Locate the line bearing "#88=IFCINDEXEDPOLYGONALFACE((33,37,38,34));" in the material below, then reproduce it and each following line up to and including the line bearing "#94=IFCINDEXEDPOLYGONALFACE((1,2,4,3));".

== Segment start ==

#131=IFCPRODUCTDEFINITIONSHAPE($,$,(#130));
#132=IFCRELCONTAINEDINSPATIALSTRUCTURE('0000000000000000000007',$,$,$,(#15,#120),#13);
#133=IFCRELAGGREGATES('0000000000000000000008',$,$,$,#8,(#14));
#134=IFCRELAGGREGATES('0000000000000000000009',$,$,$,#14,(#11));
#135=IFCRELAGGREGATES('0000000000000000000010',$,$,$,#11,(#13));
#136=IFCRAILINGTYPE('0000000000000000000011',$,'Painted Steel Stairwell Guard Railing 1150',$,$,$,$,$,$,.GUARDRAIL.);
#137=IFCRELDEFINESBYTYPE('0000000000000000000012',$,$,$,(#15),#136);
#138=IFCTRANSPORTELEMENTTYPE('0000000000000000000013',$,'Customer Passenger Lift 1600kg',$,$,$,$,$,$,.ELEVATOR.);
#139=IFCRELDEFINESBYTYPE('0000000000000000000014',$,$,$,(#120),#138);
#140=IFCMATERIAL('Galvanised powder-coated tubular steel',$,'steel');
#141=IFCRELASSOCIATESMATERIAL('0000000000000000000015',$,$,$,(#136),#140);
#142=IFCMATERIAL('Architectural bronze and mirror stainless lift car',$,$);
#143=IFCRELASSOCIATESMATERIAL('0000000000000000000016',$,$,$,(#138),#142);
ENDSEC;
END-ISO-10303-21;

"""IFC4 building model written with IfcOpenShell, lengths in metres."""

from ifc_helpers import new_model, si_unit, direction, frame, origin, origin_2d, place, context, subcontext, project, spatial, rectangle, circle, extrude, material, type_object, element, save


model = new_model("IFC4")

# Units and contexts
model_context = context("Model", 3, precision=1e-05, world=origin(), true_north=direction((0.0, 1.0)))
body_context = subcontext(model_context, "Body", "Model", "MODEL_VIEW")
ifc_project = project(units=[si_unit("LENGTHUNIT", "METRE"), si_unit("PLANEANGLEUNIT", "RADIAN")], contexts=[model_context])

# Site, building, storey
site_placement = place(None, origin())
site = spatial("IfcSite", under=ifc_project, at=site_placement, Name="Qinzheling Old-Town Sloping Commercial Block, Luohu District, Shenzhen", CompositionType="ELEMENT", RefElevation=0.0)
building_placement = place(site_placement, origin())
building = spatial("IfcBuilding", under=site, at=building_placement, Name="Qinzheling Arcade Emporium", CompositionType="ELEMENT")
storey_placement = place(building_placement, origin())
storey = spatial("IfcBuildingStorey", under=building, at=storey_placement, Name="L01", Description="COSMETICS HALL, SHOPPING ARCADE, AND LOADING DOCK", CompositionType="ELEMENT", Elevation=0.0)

== Segment end ==
== Segment start ==

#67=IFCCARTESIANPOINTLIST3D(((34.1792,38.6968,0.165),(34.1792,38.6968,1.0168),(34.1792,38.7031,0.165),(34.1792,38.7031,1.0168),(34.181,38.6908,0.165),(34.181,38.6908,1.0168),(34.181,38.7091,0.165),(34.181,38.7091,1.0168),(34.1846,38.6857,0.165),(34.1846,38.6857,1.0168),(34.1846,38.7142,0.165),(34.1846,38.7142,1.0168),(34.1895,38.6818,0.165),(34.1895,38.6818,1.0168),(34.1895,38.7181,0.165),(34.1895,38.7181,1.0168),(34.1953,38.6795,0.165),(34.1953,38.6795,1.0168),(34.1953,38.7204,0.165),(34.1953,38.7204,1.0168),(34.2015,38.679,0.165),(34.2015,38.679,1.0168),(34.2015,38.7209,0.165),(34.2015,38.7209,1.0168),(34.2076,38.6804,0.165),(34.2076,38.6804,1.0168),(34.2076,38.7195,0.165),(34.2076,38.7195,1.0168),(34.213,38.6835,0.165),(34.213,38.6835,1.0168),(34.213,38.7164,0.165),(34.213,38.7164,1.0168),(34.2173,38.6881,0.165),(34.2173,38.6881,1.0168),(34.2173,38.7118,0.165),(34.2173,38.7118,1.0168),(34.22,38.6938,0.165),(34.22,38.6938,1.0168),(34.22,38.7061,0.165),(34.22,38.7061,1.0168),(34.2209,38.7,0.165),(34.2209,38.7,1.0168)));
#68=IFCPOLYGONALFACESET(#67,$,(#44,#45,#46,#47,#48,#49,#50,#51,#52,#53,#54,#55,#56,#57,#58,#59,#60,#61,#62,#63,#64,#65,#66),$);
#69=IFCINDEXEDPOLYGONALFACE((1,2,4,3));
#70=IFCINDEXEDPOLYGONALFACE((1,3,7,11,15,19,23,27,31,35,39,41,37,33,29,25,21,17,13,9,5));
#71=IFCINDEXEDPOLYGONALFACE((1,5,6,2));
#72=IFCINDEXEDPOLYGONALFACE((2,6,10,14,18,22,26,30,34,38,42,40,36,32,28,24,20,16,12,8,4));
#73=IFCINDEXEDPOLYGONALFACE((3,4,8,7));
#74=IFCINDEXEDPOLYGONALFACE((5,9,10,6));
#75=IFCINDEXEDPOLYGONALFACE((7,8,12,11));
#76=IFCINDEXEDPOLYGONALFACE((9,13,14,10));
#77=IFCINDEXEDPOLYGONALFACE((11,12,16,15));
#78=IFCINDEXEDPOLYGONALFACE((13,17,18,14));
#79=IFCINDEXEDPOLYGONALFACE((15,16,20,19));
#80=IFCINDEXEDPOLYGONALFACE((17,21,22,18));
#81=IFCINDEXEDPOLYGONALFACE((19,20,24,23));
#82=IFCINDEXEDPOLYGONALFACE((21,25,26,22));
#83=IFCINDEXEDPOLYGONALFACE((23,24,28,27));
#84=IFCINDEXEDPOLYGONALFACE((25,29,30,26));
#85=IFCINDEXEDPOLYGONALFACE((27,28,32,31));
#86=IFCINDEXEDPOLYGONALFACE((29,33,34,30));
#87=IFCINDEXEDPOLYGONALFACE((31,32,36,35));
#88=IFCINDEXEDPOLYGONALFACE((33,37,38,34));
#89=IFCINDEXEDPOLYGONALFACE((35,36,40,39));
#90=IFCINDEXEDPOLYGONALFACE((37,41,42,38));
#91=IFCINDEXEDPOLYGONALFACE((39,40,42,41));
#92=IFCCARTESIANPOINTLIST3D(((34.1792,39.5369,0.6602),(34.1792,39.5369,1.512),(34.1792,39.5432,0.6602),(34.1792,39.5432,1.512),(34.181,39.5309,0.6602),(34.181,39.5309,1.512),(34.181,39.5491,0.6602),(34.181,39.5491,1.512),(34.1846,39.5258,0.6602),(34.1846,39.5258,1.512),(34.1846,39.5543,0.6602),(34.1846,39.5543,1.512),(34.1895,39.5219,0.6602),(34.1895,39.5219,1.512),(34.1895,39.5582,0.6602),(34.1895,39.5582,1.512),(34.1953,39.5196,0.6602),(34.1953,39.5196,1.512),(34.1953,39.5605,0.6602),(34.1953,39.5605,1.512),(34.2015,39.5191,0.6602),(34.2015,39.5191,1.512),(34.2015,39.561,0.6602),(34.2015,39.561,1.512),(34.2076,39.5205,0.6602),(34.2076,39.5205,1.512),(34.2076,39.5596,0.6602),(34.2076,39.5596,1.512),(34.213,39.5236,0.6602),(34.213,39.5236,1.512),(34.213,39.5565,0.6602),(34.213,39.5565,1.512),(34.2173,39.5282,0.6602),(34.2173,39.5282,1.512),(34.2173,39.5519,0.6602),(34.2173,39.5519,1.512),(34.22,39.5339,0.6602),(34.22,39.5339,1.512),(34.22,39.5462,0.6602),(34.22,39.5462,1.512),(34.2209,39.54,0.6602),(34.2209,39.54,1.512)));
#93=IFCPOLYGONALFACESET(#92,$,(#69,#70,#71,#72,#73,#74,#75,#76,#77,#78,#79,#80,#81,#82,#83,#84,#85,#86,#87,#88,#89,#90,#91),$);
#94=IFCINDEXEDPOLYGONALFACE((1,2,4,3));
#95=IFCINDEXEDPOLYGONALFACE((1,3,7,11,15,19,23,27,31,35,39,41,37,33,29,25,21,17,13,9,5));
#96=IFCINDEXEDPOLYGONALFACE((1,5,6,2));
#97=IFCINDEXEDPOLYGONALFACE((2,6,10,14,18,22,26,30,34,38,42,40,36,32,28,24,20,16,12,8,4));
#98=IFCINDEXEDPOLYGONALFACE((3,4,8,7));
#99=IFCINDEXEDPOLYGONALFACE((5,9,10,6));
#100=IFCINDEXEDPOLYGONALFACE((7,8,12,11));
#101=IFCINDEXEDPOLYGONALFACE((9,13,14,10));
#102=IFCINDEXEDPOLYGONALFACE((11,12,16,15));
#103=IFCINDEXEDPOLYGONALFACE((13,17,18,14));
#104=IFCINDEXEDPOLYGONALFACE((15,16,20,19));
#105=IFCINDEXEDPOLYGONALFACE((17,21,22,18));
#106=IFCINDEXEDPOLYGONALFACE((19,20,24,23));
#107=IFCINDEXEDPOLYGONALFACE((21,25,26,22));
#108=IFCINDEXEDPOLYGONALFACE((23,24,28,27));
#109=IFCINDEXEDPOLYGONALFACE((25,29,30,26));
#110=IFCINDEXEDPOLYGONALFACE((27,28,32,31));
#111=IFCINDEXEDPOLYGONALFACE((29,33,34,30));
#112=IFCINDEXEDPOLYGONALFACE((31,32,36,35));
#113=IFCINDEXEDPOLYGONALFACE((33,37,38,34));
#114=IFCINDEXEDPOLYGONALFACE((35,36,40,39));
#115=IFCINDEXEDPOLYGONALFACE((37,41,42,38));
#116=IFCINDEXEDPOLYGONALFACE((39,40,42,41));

== Segment end ==

*Solution*:
#88=IFCINDEXEDPOLYGONALFACE((33,37,38,34));
#89=IFCINDEXEDPOLYGONALFACE((35,36,40,39));
#90=IFCINDEXEDPOLYGONALFACE((37,41,42,38));
#91=IFCINDEXEDPOLYGONALFACE((39,40,42,41));
#92=IFCCARTESIANPOINTLIST3D(((34.1792,39.5369,0.6602),(34.1792,39.5369,1.512),(34.1792,39.5432,0.6602),(34.1792,39.5432,1.512),(34.181,39.5309,0.6602),(34.181,39.5309,1.512),(34.181,39.5491,0.6602),(34.181,39.5491,1.512),(34.1846,39.5258,0.6602),(34.1846,39.5258,1.512),(34.1846,39.5543,0.6602),(34.1846,39.5543,1.512),(34.1895,39.5219,0.6602),(34.1895,39.5219,1.512),(34.1895,39.5582,0.6602),(34.1895,39.5582,1.512),(34.1953,39.5196,0.6602),(34.1953,39.5196,1.512),(34.1953,39.5605,0.6602),(34.1953,39.5605,1.512),(34.2015,39.5191,0.6602),(34.2015,39.5191,1.512),(34.2015,39.561,0.6602),(34.2015,39.561,1.512),(34.2076,39.5205,0.6602),(34.2076,39.5205,1.512),(34.2076,39.5596,0.6602),(34.2076,39.5596,1.512),(34.213,39.5236,0.6602),(34.213,39.5236,1.512),(34.213,39.5565,0.6602),(34.213,39.5565,1.512),(34.2173,39.5282,0.6602),(34.2173,39.5282,1.512),(34.2173,39.5519,0.6602),(34.2173,39.5519,1.512),(34.22,39.5339,0.6602),(34.22,39.5339,1.512),(34.22,39.5462,0.6602),(34.22,39.5462,1.512),(34.2209,39.54,0.6602),(34.2209,39.54,1.512)));
#93=IFCPOLYGONALFACESET(#92,$,(#69,#70,#71,#72,#73,#74,#75,#76,#77,#78,#79,#80,#81,#82,#83,#84,#85,#86,#87,#88,#89,#90,#91),$);
#94=IFCINDEXEDPOLYGONALFACE((1,2,4,3));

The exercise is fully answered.